Saved entries
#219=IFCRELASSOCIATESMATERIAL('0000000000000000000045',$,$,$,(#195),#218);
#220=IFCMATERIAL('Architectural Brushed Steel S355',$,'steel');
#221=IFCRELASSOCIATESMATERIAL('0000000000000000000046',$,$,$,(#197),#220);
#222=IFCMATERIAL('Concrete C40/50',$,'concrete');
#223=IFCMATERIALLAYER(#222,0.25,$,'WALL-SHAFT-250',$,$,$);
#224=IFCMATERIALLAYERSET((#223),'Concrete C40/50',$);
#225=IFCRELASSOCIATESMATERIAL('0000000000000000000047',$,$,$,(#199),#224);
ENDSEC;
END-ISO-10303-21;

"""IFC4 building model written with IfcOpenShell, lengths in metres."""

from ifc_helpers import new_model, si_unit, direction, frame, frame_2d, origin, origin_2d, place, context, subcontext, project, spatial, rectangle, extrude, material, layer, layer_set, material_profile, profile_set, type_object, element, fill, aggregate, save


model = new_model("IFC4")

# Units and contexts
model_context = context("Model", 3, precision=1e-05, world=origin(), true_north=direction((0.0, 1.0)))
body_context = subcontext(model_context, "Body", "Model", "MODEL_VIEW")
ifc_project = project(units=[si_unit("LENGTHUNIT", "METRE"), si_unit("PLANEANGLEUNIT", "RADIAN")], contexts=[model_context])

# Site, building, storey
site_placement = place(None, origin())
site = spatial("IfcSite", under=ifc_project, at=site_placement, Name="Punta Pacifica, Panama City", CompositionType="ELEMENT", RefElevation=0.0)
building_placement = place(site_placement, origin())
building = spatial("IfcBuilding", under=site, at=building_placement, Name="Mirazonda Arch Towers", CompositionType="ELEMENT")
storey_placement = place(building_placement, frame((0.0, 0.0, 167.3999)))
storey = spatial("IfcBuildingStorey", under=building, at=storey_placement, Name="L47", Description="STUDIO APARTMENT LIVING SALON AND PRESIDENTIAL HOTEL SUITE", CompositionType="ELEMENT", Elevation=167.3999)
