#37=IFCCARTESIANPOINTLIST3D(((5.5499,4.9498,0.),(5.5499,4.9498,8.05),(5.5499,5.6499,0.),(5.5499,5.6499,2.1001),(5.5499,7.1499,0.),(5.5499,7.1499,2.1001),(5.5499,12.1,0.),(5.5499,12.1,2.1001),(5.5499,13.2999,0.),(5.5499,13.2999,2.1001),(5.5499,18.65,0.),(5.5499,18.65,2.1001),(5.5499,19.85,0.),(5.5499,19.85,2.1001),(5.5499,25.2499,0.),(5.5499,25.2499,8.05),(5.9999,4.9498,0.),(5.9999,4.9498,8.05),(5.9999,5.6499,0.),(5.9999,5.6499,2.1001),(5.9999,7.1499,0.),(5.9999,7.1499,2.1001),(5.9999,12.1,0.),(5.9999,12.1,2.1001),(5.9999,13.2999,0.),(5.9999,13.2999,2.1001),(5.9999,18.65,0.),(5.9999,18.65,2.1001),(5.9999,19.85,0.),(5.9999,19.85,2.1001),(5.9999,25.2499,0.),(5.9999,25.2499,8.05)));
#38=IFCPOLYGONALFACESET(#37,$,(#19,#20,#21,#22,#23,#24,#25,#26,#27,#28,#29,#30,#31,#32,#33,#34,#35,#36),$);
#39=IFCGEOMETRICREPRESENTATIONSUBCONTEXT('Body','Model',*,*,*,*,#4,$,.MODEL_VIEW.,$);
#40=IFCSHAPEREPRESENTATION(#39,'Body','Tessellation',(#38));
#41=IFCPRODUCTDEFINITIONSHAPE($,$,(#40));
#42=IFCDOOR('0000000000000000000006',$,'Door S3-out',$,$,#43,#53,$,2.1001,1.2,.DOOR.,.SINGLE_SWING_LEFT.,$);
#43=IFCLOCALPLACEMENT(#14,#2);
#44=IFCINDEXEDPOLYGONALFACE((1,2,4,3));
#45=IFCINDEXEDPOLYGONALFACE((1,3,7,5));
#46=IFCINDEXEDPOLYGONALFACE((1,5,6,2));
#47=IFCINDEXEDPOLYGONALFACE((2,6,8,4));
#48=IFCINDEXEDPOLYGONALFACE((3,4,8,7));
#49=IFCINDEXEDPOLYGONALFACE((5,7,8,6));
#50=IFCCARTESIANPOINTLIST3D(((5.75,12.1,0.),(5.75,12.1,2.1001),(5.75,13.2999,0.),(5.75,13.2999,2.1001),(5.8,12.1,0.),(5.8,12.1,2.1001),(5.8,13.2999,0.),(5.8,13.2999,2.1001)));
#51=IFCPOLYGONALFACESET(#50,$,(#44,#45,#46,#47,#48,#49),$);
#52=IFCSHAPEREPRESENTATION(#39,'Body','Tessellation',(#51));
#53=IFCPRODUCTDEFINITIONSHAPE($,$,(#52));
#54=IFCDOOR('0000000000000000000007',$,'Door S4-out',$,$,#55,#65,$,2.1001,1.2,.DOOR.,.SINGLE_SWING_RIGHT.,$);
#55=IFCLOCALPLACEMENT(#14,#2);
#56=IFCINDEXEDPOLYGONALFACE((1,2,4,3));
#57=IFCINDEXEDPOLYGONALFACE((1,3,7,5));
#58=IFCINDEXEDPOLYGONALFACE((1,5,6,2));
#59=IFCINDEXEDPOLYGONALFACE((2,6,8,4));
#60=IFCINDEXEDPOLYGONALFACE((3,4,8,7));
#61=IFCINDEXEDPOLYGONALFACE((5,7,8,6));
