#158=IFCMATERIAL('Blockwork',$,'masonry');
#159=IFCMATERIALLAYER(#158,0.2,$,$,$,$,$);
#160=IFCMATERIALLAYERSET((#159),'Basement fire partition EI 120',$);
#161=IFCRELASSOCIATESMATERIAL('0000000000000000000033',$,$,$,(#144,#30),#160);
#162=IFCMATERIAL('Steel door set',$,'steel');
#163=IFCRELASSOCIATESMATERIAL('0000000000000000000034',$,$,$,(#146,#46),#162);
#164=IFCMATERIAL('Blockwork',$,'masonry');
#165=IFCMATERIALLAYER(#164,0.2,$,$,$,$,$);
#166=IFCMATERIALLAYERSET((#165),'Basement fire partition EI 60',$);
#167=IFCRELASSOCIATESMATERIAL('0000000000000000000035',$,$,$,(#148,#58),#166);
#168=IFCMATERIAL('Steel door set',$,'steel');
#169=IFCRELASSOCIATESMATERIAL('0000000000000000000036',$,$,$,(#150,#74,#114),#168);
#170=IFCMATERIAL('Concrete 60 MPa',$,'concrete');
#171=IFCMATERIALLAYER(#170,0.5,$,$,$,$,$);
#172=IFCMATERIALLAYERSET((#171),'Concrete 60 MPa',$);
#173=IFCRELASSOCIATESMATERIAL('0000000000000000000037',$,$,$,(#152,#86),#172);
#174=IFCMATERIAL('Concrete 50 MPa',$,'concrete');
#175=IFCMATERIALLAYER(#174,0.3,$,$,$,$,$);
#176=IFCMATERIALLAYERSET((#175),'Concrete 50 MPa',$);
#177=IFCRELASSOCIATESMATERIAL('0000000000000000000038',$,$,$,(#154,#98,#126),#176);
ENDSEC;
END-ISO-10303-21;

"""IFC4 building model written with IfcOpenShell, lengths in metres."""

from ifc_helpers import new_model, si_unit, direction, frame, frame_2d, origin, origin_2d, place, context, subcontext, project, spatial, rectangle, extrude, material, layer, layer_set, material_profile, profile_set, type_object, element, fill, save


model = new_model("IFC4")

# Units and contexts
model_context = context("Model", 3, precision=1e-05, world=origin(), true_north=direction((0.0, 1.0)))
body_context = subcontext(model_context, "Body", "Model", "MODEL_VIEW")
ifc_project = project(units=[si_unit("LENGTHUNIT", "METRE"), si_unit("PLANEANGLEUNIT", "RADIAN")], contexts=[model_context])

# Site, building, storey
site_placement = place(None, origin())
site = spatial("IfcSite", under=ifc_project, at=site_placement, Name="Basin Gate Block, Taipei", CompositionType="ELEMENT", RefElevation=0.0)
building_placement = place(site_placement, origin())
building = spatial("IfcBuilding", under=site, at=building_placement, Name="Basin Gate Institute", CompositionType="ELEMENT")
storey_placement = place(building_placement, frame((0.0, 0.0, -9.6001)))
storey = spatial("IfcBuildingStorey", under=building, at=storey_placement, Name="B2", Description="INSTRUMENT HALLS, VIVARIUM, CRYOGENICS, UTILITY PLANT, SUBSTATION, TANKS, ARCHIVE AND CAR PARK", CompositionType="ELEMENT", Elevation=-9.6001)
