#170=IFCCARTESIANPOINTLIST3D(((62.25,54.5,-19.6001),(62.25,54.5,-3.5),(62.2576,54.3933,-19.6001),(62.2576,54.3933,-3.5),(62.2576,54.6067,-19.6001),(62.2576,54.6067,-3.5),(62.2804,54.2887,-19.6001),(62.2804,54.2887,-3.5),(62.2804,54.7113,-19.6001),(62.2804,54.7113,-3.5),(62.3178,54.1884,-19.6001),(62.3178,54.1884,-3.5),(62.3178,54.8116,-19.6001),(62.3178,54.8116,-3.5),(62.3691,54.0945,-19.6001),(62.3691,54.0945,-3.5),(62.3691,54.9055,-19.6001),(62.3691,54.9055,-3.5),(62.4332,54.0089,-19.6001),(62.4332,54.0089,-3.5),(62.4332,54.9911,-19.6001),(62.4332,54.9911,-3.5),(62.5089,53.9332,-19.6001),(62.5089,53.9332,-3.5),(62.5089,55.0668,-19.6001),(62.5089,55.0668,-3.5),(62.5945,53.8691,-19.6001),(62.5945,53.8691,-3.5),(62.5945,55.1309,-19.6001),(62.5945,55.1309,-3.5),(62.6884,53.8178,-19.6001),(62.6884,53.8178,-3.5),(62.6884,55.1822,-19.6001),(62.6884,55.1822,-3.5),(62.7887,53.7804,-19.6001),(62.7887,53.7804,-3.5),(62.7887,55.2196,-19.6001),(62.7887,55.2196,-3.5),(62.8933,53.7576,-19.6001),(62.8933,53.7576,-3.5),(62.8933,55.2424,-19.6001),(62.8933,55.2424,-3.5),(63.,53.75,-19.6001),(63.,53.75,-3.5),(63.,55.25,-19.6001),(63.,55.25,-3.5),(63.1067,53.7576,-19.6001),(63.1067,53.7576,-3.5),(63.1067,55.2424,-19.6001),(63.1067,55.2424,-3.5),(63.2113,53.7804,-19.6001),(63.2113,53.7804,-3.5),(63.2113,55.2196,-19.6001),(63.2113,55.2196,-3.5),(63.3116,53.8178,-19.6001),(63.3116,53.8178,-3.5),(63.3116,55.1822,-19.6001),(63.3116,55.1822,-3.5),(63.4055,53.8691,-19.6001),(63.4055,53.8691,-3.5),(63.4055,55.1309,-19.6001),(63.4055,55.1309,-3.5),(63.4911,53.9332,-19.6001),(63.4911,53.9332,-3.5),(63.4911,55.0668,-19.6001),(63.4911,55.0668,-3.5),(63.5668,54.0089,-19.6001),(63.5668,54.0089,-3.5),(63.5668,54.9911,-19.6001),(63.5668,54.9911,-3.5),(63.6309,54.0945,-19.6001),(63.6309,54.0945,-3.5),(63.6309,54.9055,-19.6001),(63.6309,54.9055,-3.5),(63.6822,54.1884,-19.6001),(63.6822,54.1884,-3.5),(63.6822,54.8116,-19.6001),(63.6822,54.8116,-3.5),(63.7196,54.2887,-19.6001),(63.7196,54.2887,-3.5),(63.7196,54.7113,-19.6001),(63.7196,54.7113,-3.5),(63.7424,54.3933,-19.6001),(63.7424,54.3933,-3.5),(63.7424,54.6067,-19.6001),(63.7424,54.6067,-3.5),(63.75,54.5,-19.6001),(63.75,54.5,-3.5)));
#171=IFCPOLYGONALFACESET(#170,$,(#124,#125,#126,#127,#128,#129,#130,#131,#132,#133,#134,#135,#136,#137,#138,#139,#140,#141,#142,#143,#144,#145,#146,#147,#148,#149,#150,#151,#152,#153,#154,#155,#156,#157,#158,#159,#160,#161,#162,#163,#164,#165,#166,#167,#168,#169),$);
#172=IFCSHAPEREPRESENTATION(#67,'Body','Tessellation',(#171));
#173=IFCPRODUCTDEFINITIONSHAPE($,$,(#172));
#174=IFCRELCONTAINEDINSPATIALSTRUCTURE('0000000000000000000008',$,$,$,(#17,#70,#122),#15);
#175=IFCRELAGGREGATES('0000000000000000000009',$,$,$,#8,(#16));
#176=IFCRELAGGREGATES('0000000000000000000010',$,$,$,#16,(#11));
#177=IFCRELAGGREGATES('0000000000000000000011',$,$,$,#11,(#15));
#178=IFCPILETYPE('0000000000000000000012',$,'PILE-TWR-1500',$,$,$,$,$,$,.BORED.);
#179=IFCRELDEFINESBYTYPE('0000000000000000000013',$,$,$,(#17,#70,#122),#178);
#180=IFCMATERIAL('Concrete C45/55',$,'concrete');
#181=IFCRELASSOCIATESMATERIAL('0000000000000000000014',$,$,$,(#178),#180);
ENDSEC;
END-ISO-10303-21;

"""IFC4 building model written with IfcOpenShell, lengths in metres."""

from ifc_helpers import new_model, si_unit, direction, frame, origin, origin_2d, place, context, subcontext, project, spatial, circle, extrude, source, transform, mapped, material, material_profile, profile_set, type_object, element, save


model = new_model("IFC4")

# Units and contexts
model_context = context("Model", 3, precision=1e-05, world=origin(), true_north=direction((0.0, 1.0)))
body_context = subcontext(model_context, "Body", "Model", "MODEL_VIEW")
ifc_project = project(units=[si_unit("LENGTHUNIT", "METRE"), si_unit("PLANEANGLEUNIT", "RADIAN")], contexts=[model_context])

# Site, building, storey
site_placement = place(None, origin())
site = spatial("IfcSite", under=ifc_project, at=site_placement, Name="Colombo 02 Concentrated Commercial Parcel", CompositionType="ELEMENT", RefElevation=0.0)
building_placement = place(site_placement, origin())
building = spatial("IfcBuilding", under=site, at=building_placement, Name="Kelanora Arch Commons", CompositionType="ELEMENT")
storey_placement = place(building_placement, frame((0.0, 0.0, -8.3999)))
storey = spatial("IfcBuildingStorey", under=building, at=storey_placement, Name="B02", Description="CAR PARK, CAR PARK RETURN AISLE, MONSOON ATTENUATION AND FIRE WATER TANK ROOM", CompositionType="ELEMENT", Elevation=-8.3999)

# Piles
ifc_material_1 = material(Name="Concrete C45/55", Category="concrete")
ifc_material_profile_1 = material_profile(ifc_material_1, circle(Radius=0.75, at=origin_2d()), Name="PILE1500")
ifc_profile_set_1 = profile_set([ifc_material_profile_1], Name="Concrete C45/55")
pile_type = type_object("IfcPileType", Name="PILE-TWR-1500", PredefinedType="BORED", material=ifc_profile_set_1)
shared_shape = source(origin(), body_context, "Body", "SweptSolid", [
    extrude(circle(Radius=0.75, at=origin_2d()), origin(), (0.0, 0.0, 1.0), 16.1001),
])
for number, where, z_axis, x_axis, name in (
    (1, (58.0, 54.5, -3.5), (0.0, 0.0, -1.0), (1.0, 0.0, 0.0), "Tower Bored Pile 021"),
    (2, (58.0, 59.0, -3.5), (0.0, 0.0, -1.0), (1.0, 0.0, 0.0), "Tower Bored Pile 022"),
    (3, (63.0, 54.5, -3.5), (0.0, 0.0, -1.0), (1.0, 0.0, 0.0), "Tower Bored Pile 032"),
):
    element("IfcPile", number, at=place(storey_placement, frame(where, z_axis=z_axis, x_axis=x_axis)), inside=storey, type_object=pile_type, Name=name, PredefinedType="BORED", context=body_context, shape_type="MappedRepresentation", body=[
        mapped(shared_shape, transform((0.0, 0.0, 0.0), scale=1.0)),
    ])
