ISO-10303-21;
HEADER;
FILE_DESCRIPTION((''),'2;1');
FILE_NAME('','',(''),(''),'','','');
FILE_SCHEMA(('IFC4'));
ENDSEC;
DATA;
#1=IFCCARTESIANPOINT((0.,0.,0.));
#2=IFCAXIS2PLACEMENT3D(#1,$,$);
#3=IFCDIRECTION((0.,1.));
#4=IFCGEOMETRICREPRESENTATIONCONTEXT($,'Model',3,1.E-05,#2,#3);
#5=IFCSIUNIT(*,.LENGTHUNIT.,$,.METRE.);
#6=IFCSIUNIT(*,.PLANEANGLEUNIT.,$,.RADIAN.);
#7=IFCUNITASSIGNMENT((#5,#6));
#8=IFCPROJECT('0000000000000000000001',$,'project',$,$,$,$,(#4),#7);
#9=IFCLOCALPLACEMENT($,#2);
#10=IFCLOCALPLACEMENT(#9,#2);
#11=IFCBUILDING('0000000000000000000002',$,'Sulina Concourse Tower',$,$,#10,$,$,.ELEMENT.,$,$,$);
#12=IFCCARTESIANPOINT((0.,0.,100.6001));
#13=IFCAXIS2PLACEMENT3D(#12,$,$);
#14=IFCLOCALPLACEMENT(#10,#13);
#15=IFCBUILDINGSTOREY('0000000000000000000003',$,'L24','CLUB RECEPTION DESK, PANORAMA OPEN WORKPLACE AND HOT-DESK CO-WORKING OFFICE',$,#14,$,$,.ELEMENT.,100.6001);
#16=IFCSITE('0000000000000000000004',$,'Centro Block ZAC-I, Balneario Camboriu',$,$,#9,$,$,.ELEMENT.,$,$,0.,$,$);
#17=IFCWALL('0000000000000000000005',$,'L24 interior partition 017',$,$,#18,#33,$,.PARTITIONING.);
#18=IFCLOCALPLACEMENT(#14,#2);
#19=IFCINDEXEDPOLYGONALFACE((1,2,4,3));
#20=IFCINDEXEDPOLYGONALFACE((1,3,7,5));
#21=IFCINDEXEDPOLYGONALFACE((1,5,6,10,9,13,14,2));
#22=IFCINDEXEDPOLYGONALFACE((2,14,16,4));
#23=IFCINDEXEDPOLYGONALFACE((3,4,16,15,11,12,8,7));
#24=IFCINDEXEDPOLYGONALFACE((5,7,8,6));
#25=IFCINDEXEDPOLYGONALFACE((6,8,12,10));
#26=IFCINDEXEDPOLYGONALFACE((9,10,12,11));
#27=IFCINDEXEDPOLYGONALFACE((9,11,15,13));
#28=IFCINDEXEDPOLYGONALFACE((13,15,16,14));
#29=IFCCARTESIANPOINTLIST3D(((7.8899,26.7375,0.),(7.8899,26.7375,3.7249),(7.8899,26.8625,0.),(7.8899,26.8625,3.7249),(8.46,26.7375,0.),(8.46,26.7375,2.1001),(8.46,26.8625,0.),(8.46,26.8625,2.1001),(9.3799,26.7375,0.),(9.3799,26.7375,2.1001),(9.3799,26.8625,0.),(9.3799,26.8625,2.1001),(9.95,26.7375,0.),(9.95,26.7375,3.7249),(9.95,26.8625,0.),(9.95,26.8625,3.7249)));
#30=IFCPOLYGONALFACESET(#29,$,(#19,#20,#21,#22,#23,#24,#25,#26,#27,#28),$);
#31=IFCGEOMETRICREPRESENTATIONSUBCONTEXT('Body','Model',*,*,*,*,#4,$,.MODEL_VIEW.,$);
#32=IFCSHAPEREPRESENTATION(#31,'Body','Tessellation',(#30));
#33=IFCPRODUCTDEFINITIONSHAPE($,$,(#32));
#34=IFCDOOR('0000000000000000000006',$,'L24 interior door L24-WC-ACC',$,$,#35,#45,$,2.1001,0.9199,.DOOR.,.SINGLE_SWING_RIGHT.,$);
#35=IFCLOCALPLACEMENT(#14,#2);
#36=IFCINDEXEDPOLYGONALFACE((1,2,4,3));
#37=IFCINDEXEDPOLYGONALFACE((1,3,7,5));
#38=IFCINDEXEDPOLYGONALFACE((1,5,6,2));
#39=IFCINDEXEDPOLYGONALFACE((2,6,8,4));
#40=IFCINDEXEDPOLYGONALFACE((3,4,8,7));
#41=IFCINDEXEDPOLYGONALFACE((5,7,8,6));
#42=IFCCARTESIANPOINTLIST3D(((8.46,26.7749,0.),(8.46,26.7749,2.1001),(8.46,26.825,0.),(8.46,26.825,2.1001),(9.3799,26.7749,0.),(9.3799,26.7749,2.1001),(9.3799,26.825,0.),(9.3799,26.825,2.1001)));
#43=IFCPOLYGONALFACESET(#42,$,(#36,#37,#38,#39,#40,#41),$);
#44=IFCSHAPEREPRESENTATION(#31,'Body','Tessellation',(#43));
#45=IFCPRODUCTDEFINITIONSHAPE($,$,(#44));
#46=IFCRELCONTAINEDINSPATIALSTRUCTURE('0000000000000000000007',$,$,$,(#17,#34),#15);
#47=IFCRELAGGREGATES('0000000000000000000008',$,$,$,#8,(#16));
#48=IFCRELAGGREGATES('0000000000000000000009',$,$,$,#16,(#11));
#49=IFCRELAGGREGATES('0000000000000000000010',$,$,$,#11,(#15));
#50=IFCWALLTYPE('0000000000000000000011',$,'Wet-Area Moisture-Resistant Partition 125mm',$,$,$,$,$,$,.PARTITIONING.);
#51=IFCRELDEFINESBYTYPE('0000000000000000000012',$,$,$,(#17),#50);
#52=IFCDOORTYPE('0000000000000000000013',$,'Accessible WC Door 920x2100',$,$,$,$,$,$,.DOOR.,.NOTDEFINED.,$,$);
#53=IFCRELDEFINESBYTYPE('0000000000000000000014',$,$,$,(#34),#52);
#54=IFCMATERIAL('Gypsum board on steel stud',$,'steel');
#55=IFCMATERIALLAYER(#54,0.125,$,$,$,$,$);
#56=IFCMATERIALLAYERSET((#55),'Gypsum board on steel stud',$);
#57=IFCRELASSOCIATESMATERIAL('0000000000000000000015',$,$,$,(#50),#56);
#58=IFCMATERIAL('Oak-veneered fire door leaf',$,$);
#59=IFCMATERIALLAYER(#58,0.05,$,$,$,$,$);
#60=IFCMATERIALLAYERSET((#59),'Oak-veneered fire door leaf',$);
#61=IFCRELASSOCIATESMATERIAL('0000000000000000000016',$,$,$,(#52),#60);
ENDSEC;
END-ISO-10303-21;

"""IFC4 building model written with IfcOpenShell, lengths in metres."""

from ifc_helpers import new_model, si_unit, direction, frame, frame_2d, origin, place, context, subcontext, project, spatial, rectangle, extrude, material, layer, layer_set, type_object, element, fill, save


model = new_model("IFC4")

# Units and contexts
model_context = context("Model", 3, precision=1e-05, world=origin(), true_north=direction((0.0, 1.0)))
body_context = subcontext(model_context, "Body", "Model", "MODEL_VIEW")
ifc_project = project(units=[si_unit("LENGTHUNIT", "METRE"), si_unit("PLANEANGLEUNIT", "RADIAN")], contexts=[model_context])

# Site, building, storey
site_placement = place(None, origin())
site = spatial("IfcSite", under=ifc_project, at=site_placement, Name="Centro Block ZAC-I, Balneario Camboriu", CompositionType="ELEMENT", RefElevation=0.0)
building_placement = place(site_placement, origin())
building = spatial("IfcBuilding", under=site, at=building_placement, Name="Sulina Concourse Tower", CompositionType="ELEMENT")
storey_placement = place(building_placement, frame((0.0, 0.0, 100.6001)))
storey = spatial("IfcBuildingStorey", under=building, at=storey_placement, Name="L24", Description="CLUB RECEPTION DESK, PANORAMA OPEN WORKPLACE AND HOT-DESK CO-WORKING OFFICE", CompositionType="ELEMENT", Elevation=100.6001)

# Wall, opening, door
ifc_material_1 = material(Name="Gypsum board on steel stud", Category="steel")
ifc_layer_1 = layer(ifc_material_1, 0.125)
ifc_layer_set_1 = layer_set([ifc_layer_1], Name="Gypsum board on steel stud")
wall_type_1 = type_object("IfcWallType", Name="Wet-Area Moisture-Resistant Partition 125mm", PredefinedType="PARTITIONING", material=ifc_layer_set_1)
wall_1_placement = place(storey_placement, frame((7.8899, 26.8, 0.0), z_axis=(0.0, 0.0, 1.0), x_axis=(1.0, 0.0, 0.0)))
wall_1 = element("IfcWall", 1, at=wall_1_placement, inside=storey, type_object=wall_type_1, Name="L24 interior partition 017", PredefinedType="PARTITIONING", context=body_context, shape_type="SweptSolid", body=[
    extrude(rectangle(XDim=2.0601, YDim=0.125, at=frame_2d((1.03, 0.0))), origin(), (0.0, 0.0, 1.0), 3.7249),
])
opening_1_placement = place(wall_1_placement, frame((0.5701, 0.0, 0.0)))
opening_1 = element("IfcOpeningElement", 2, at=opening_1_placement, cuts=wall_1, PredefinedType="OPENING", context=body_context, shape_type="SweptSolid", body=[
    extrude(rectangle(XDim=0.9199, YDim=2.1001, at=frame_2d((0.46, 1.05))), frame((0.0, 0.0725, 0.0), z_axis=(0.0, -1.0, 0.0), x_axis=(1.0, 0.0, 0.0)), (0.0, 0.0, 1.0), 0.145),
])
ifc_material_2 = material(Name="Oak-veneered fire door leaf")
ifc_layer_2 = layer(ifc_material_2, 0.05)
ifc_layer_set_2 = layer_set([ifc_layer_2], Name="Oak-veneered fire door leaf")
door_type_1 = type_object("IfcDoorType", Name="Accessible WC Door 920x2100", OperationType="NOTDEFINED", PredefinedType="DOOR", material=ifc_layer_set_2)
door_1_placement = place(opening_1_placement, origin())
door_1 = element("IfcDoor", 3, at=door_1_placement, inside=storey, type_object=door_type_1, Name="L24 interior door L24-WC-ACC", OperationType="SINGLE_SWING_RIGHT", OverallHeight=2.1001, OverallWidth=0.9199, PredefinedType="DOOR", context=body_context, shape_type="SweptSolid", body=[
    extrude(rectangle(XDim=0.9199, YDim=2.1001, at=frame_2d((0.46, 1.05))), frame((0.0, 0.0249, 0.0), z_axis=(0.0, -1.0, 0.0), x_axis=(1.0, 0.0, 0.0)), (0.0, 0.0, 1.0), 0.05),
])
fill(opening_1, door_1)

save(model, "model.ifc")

Activity: Would you copy out each line of the records above where the word "masonry" occurs?

Response to the task:
#158=IFCMATERIAL('Blockwork',$,'masonry');
#164=IFCMATERIAL('Blockwork',$,'masonry');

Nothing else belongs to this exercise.